- **Task to complete**
Read through the listing below and copy each line in which the word "IFCRELAGGREGATES" occurs.
##########
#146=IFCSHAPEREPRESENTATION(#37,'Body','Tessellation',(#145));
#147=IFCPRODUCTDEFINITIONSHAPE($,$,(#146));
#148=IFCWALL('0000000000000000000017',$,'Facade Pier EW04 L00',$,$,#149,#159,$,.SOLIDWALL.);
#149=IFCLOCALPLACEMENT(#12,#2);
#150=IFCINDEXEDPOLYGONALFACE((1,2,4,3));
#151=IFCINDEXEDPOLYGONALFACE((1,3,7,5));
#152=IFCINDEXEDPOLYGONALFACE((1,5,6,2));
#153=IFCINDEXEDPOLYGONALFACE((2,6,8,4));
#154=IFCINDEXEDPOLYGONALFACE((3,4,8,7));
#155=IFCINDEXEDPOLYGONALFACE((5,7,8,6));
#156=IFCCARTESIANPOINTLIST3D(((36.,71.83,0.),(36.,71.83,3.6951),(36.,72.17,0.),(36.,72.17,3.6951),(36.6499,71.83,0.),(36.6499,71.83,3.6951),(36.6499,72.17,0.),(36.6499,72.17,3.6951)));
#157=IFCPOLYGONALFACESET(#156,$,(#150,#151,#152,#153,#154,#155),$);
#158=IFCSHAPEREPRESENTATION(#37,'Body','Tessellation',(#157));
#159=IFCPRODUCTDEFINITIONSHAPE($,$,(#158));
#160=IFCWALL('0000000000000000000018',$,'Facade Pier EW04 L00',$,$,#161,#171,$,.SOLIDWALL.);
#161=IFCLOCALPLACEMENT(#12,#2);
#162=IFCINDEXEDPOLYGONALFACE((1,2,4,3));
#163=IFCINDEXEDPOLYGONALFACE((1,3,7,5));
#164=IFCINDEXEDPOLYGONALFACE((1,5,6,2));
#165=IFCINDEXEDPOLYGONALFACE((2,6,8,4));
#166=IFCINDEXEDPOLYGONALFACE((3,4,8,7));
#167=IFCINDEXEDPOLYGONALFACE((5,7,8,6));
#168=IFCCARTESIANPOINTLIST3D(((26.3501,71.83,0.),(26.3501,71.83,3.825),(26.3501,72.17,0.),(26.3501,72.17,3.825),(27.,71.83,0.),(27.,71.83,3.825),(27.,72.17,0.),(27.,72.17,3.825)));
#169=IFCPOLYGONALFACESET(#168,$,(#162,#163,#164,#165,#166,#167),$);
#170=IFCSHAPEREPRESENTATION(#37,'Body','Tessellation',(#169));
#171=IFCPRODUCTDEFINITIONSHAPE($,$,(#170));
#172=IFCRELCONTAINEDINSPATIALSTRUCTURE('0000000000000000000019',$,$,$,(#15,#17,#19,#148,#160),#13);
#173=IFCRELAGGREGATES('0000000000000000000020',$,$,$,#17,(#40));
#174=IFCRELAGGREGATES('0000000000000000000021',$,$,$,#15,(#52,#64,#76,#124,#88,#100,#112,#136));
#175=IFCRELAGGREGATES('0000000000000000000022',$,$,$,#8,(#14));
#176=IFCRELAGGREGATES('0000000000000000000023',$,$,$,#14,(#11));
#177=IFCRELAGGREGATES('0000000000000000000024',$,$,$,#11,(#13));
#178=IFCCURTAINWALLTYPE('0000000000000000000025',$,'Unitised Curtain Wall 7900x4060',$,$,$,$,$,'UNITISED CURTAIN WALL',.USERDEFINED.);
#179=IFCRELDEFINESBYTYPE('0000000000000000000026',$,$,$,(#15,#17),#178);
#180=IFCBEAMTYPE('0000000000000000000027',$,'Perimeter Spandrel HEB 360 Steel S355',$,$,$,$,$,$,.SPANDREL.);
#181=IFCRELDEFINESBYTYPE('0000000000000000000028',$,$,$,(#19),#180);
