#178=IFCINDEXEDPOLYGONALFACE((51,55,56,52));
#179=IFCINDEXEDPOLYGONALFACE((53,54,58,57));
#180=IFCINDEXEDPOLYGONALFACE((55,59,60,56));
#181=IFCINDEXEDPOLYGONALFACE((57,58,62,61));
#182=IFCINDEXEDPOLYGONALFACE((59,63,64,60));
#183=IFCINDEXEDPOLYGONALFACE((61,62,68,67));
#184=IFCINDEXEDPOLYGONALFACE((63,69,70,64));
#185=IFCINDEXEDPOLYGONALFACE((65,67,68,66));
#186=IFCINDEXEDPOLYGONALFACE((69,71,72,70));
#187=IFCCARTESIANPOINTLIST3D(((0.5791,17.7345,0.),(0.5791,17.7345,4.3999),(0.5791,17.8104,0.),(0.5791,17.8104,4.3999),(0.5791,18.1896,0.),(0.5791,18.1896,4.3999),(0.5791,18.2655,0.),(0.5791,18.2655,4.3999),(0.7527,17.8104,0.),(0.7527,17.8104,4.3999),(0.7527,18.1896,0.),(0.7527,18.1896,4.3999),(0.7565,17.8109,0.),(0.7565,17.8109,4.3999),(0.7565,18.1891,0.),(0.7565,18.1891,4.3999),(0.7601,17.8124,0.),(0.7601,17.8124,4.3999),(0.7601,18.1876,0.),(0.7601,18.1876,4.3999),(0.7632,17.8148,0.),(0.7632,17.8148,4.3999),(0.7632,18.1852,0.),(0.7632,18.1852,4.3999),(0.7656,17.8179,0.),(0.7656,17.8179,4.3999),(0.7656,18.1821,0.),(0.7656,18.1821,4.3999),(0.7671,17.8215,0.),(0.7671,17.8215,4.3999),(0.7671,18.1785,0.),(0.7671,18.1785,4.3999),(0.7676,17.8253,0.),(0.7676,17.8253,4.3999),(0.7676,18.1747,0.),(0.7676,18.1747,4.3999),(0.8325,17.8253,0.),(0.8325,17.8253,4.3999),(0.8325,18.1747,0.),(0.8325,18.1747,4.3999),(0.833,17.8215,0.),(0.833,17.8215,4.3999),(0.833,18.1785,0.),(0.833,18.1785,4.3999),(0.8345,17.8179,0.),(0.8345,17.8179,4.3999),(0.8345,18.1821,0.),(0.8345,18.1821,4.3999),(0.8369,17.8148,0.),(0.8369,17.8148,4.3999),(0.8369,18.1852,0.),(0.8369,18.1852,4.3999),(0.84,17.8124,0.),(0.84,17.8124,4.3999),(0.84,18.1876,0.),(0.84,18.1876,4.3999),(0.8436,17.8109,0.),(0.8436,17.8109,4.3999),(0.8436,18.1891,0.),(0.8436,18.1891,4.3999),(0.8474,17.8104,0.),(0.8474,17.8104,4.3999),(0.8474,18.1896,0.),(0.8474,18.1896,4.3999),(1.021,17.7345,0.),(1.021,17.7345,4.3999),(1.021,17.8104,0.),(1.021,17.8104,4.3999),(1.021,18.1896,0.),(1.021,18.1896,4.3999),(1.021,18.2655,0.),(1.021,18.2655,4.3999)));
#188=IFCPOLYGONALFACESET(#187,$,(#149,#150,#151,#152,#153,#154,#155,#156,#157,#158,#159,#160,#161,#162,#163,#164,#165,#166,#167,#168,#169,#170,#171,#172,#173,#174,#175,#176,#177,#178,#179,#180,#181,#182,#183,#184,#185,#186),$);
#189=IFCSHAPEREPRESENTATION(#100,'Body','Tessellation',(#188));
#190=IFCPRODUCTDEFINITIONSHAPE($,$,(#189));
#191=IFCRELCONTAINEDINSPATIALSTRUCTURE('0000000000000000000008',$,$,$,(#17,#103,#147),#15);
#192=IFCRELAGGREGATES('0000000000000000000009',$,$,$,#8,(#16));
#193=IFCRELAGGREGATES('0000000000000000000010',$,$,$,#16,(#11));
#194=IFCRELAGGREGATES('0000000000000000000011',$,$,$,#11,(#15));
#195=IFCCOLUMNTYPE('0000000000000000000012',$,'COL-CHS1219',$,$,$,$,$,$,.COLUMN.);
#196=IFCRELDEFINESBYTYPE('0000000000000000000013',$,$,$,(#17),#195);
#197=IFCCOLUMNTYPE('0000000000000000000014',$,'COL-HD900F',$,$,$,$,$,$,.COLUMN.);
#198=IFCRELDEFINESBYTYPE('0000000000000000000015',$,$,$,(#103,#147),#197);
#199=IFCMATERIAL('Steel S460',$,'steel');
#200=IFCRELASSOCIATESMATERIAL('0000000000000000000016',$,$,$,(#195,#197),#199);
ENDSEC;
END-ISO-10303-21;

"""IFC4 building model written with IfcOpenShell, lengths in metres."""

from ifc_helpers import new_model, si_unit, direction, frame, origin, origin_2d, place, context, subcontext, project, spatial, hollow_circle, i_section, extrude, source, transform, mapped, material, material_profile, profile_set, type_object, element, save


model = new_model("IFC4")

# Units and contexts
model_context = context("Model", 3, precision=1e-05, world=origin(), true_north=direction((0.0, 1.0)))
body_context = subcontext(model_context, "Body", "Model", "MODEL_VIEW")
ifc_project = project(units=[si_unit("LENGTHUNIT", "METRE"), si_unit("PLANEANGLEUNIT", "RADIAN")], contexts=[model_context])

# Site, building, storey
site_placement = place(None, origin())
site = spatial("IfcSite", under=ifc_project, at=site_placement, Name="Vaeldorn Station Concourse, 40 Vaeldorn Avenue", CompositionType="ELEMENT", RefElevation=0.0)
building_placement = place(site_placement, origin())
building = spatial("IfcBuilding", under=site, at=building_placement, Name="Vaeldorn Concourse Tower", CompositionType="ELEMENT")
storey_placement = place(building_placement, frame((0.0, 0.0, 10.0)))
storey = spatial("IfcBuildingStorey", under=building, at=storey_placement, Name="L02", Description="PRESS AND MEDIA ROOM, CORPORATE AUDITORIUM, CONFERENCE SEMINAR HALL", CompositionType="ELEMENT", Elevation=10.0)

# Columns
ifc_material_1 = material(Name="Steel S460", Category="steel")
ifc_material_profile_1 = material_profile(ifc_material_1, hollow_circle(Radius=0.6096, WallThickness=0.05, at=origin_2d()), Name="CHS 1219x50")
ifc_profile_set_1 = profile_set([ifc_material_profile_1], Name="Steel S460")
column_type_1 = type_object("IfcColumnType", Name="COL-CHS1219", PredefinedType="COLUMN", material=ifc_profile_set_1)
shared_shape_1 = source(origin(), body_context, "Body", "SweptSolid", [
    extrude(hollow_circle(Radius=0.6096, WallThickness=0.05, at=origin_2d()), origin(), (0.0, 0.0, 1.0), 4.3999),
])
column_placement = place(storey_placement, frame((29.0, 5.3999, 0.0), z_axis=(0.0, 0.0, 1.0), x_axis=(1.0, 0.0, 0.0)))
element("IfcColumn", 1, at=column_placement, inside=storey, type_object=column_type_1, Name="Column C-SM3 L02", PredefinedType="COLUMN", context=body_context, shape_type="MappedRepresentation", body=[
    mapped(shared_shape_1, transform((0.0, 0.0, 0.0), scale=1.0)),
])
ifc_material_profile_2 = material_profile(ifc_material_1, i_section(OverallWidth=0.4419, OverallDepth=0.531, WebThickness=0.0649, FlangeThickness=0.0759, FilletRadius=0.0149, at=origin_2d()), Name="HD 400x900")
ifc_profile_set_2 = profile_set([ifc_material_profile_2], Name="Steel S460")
##########
- **Task output**
#173=IFCRELAGGREGATES('0000000000000000000020',$,$,$,#17,(#40));
#174=IFCRELAGGREGATES('0000000000000000000021',$,$,$,#15,(#52,#64,#76,#124,#88,#100,#112,#136));
#175=IFCRELAGGREGATES('0000000000000000000022',$,$,$,#8,(#14));
#176=IFCRELAGGREGATES('0000000000000000000023',$,$,$,#14,(#11));
#177=IFCRELAGGREGATES('0000000000000000000024',$,$,$,#11,(#13));
#192=IFCRELAGGREGATES('0000000000000000000009',$,$,$,#8,(#16));
#193=IFCRELAGGREGATES('0000000000000000000010',$,$,$,#16,(#11));
#194=IFCRELAGGREGATES('0000000000000000000011',$,$,$,#11,(#15));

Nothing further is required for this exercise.